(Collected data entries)
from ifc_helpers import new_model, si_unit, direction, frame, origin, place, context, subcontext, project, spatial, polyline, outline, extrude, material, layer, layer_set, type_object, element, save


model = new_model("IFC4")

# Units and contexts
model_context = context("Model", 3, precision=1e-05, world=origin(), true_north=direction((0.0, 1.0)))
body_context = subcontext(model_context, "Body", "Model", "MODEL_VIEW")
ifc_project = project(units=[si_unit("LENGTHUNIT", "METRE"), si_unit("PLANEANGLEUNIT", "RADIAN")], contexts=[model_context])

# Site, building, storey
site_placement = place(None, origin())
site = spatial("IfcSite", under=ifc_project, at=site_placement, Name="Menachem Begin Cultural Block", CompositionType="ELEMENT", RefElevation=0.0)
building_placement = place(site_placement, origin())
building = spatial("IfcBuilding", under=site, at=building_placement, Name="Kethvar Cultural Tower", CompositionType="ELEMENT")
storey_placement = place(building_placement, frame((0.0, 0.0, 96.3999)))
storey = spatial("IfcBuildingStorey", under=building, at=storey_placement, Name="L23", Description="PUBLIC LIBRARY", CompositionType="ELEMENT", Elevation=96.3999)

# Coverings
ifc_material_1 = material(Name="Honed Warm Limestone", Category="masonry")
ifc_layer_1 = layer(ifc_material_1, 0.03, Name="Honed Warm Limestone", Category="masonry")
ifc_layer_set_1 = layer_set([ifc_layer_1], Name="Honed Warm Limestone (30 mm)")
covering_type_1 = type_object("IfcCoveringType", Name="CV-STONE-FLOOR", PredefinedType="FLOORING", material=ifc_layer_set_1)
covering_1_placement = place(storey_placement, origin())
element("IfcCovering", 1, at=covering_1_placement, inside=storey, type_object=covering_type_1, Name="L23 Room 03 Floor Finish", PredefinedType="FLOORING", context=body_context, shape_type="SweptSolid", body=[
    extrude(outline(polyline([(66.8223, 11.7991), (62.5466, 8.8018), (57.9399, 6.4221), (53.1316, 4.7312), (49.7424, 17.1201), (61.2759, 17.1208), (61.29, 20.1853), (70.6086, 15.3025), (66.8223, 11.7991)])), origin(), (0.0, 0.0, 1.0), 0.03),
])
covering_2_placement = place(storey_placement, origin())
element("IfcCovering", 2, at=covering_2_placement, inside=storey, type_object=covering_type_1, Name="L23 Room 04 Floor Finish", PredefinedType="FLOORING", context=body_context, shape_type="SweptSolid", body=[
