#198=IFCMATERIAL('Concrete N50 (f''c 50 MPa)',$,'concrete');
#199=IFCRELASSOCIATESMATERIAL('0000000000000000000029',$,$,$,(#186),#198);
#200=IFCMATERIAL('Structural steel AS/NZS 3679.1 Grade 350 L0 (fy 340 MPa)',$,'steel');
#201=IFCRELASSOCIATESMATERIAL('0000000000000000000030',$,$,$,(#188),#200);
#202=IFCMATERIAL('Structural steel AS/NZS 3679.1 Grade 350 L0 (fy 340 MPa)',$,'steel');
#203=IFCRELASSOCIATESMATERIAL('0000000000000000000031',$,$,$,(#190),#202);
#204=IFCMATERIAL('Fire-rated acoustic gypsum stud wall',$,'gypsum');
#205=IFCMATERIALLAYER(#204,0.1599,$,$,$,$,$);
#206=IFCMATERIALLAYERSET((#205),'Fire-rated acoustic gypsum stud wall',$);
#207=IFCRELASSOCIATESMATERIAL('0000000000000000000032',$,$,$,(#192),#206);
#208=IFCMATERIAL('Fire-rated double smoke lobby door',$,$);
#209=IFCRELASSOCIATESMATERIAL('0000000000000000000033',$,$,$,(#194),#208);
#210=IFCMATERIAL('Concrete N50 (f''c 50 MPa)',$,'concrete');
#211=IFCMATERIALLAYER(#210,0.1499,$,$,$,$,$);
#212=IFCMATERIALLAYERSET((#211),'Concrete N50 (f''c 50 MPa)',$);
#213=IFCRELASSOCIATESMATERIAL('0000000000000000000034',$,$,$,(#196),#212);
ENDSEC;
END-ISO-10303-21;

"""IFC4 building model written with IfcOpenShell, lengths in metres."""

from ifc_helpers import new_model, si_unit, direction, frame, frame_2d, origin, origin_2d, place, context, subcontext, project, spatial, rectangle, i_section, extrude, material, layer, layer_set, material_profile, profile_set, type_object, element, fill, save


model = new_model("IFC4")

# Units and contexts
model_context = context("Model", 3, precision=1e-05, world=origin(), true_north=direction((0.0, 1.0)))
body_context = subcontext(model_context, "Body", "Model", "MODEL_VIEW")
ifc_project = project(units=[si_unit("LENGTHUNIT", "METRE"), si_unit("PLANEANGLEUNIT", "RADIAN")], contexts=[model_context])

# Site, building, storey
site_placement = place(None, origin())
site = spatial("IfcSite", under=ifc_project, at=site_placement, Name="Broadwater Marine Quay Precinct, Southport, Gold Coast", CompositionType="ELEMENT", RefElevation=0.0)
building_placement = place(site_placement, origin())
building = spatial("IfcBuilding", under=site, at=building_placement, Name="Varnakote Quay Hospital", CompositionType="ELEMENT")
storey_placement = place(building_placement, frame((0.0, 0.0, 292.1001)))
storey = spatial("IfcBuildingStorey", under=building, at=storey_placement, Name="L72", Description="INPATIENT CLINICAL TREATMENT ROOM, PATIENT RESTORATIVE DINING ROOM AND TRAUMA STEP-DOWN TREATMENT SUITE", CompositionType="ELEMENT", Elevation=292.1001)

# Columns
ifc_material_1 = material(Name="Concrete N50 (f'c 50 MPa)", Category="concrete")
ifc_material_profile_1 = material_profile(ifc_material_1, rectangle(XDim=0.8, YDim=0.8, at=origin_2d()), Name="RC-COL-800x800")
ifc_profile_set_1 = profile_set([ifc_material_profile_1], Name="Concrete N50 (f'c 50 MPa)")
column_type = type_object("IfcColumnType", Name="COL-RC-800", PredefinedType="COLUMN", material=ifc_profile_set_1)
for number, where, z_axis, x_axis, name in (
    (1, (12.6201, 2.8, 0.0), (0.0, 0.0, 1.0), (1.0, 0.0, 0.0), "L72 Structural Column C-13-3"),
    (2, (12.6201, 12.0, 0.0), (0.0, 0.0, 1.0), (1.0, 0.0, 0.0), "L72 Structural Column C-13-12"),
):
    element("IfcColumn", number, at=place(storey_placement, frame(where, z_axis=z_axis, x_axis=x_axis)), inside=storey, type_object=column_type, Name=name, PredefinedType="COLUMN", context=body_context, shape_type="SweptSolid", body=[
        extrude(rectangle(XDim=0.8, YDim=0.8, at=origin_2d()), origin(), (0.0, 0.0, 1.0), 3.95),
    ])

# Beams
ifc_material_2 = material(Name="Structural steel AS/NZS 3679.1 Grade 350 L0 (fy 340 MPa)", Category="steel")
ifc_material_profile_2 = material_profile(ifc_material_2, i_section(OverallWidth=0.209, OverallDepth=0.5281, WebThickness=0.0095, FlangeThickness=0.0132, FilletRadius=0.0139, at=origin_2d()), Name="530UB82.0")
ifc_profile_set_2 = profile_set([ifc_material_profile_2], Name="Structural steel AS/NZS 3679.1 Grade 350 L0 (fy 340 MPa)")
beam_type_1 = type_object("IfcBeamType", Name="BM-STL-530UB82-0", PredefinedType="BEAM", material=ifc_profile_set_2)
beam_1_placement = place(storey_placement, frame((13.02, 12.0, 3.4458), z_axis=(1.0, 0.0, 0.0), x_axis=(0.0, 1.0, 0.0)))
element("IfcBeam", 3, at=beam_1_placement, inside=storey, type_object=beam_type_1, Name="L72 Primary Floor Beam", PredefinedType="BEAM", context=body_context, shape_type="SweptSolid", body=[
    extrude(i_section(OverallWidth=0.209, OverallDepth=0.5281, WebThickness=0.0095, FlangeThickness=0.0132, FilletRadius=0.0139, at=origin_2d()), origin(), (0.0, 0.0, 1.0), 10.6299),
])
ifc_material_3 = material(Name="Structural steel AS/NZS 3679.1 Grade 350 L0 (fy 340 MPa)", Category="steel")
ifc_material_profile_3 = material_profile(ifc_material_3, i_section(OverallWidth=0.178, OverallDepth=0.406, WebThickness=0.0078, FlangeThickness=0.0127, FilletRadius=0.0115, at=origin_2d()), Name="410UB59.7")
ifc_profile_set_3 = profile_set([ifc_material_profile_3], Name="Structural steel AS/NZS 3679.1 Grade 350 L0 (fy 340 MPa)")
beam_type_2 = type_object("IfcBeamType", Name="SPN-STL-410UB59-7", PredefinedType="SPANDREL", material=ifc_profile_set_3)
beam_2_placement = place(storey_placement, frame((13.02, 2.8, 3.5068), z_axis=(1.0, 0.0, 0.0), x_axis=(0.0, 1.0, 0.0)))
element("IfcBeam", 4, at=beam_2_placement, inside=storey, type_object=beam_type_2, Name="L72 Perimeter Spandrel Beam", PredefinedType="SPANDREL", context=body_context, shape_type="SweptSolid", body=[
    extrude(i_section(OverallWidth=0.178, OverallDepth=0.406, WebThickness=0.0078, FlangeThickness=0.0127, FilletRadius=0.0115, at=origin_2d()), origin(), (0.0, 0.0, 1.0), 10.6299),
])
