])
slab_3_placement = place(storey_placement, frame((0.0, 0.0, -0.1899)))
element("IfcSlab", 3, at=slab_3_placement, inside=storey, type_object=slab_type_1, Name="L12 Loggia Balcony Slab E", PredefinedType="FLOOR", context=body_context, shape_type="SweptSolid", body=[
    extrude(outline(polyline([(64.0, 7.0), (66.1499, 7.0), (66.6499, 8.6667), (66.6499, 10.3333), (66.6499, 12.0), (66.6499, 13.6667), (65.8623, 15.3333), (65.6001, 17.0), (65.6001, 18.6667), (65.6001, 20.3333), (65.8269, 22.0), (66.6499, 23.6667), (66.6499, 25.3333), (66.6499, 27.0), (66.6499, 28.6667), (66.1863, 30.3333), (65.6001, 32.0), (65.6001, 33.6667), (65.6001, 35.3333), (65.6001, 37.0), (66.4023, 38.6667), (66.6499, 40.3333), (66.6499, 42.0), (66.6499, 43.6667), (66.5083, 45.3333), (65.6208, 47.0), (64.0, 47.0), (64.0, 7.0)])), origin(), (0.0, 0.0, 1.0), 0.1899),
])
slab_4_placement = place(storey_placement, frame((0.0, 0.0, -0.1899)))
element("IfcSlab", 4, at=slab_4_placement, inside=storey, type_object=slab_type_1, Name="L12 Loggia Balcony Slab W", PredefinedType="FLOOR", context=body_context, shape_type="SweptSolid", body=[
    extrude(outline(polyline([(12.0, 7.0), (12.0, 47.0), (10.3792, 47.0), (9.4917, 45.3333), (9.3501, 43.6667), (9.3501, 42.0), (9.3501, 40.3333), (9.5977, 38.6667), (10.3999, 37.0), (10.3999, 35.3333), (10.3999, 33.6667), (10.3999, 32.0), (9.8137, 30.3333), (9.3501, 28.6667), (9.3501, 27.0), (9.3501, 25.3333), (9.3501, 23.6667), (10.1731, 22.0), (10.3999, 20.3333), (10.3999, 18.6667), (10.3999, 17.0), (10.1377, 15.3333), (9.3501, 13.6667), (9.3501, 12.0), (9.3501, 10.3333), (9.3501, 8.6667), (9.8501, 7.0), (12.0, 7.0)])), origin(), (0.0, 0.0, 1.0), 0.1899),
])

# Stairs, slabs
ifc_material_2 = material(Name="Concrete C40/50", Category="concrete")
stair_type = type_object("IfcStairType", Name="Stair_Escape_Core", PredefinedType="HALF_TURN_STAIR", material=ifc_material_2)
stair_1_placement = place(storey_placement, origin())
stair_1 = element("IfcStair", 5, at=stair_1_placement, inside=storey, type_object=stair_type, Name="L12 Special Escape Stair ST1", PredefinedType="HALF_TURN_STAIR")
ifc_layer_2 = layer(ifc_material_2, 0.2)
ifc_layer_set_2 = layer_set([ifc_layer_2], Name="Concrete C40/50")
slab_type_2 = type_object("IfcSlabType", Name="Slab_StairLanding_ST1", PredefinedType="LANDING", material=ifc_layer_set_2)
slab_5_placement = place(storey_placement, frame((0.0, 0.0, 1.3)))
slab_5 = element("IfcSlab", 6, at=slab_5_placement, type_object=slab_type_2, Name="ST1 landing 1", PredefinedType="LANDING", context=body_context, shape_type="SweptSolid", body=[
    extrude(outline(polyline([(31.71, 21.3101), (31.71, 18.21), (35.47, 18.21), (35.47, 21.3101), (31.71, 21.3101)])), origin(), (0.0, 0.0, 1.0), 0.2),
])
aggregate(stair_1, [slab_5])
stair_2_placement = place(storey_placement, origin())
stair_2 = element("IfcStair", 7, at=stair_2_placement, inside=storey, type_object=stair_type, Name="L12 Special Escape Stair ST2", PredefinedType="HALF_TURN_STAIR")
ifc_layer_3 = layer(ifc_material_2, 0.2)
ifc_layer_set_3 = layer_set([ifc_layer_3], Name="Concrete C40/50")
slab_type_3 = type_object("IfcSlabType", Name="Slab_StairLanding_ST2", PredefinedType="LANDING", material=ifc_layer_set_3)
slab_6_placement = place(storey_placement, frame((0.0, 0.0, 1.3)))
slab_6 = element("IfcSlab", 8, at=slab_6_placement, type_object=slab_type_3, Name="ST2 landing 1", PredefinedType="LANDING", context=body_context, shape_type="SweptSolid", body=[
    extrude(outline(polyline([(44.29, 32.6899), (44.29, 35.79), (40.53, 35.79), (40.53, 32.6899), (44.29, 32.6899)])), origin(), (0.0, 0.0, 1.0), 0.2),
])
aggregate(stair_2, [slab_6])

# Exercise requirements
When a line in the data contains the string "gypsum", copy that line.

# Exercise response
#204=IFCMATERIAL('Fire-rated acoustic gypsum stud wall',$,'gypsum');
#206=IFCMATERIALLAYERSET((#205),'Fire-rated acoustic gypsum stud wall',$);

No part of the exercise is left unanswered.